Exercise goal ::
Please find every line in the records below that contains the word "IFCRELASSOCIATESMATERIAL", and copy it.
****************
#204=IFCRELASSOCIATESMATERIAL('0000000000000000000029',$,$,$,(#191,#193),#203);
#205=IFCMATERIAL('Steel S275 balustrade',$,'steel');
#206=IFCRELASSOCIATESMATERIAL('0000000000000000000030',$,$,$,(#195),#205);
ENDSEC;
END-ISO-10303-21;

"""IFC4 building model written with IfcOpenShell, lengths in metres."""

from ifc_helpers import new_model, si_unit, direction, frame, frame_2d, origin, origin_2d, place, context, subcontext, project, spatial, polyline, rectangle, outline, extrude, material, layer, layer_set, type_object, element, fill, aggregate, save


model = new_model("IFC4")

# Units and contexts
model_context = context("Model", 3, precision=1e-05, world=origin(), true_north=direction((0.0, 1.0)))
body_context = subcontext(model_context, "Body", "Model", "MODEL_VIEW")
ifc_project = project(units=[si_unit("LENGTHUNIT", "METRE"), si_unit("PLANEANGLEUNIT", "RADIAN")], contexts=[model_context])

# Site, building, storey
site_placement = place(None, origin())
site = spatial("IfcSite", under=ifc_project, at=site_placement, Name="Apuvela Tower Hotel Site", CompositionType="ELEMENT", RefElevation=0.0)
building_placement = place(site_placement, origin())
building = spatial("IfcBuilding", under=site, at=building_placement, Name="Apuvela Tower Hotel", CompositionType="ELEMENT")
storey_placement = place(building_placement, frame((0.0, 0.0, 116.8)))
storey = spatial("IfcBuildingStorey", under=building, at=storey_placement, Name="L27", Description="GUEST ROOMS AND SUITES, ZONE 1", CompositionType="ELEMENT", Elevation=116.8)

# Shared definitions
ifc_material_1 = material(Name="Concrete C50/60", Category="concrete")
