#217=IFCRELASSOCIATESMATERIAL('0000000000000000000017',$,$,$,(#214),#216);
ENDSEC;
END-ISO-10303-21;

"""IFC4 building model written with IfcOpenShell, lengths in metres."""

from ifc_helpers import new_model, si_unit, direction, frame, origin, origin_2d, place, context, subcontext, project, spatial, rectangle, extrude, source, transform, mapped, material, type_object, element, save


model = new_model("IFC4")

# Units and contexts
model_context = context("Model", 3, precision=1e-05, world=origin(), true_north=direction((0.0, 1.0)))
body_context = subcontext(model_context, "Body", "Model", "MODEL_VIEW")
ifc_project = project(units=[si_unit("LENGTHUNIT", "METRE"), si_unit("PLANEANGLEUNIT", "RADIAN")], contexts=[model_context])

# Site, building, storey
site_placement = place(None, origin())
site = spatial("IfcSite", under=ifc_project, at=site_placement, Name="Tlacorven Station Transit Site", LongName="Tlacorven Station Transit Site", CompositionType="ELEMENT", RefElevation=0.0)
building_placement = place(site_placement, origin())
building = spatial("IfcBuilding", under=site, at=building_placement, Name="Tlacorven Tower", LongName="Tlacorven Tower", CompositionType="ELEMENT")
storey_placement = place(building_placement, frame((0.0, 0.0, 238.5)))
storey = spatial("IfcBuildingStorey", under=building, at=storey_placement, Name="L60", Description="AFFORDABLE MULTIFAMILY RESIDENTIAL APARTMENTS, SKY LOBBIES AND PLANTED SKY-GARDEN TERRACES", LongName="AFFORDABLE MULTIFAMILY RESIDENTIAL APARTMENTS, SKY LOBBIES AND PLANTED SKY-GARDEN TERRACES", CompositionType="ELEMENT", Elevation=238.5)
****************
Result of the task ::
#204=IFCRELASSOCIATESMATERIAL('0000000000000000000029',$,$,$,(#191,#193),#203);
#206=IFCRELASSOCIATESMATERIAL('0000000000000000000030',$,$,$,(#195),#205);
#217=IFCRELASSOCIATESMATERIAL('0000000000000000000017',$,$,$,(#214),#216);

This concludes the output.